WHAT THE TASK REQUIRES =>
If a line in the entries below contains the word "contexts", it counts; report how many such lines there are, and only that number.

AVAILABLE RECORDS =>
»»
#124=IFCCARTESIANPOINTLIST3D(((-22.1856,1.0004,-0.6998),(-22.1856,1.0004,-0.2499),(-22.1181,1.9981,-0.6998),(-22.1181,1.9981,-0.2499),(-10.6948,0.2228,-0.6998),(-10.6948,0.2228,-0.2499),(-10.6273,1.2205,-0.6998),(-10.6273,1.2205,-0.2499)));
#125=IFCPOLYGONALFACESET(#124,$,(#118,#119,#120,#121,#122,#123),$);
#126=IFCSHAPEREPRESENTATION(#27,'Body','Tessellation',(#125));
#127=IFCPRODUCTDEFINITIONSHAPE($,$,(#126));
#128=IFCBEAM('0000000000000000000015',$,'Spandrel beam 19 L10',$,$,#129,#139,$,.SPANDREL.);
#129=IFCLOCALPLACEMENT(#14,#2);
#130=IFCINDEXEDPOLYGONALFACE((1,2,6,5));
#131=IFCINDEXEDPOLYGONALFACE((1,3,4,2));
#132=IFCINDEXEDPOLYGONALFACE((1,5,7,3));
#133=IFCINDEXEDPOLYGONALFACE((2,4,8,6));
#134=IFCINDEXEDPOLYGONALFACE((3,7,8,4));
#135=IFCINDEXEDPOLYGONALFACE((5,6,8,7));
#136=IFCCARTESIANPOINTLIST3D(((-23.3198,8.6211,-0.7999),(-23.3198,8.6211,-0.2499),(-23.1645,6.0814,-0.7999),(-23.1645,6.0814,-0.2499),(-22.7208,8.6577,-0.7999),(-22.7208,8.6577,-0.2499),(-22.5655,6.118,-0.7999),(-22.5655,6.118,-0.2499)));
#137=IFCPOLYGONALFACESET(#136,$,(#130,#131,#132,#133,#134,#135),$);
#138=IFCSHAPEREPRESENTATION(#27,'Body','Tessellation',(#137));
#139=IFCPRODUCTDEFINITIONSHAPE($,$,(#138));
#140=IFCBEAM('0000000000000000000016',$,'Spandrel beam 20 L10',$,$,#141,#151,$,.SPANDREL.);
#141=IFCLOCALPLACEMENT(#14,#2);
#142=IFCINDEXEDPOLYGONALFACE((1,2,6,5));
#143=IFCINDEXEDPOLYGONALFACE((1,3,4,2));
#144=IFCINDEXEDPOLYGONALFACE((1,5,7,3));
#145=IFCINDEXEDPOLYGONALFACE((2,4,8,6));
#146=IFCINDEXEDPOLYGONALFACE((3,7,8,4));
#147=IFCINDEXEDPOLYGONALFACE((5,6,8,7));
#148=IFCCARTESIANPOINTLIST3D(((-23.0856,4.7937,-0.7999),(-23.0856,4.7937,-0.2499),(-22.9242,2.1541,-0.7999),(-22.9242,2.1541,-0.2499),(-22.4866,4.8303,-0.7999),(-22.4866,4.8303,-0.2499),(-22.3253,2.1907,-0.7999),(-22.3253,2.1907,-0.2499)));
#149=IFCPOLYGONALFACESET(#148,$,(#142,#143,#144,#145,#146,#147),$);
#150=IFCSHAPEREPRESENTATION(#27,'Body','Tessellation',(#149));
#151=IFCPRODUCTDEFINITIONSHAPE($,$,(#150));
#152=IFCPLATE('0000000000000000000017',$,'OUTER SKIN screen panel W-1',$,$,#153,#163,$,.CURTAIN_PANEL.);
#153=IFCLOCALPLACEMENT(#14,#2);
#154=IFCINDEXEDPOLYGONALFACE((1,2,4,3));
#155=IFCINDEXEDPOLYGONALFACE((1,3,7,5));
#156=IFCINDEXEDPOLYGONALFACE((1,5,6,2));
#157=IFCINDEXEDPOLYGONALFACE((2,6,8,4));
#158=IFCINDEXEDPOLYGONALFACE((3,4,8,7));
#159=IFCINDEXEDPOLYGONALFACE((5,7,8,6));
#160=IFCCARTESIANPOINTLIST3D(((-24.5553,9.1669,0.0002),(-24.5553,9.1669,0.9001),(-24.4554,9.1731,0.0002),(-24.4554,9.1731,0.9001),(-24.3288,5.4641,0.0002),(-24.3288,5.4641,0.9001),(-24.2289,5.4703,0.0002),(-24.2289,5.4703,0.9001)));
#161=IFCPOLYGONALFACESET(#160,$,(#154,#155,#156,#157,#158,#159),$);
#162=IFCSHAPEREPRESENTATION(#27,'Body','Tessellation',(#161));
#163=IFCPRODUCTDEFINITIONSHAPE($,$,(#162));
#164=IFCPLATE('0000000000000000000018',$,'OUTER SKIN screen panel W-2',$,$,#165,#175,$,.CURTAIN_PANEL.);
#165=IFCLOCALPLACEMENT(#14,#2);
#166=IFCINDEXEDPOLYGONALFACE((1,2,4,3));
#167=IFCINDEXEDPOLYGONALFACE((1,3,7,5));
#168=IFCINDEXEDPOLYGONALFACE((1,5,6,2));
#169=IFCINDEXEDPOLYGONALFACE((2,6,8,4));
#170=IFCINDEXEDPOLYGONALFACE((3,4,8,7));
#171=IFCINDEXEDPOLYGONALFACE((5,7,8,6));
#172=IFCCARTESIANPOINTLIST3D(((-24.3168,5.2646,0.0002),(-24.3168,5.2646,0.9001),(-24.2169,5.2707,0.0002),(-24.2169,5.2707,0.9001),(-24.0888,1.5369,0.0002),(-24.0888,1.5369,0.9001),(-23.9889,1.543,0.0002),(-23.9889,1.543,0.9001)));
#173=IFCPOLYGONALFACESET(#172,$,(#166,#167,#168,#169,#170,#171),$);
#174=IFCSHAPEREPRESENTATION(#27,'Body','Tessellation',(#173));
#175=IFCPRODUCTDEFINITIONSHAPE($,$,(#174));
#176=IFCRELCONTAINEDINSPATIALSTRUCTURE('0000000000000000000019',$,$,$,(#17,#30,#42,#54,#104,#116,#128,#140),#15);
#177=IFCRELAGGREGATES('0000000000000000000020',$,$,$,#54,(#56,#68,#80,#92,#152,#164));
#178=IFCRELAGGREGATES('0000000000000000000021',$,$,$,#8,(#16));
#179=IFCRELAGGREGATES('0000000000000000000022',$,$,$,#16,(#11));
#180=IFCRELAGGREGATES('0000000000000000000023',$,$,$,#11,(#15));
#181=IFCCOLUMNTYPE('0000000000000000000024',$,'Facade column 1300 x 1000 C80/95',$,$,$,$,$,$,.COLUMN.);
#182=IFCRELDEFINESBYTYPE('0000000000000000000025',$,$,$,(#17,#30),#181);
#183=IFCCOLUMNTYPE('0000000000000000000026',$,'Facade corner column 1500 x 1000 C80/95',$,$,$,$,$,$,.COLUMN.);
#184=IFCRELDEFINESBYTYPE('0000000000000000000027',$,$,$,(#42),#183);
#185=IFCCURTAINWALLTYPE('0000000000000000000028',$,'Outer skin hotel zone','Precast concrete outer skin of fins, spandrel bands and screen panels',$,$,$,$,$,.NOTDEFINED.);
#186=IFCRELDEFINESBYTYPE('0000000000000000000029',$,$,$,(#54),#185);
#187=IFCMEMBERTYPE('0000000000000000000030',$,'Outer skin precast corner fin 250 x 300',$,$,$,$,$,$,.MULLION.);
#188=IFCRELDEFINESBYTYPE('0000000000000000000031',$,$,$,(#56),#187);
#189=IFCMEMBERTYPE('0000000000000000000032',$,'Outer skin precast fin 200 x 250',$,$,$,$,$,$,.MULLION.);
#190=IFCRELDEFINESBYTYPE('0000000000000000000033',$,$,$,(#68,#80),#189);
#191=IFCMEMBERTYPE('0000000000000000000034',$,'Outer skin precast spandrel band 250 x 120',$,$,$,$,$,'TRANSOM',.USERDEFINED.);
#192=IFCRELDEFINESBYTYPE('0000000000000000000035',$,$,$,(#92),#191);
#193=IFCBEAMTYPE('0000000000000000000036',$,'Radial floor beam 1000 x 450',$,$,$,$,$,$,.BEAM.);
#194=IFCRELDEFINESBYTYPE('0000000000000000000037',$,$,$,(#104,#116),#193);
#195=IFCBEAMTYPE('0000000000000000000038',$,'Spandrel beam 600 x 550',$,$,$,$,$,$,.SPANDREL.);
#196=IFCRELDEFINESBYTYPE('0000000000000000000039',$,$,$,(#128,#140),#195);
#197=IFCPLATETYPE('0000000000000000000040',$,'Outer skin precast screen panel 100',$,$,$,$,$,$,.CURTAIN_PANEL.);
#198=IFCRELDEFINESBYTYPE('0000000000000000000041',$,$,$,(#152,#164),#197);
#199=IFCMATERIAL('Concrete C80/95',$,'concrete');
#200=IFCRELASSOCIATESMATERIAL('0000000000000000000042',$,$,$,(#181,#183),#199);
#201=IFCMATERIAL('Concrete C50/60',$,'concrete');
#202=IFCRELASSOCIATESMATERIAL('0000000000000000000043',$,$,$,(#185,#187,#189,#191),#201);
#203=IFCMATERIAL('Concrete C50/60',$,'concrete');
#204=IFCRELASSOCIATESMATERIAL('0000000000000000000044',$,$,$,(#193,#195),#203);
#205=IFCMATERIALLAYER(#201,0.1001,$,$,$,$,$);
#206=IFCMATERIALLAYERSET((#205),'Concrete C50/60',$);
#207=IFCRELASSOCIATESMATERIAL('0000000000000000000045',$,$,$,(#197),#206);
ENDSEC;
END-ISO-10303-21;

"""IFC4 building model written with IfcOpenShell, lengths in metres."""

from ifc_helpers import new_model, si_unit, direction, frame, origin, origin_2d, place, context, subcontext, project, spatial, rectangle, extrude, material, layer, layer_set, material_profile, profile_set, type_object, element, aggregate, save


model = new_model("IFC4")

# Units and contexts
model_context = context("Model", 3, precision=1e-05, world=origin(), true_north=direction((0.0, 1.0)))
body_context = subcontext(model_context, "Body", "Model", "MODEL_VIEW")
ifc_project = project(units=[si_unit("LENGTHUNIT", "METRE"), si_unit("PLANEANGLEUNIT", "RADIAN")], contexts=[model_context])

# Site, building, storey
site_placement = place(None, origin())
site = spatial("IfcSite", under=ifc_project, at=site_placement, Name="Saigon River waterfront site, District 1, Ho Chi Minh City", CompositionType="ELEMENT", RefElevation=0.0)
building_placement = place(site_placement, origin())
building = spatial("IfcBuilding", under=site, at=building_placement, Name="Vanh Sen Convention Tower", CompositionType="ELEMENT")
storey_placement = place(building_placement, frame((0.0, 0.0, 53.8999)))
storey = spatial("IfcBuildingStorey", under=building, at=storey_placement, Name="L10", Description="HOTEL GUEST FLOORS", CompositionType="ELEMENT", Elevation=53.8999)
««
THE COMPLETED TASK =>
2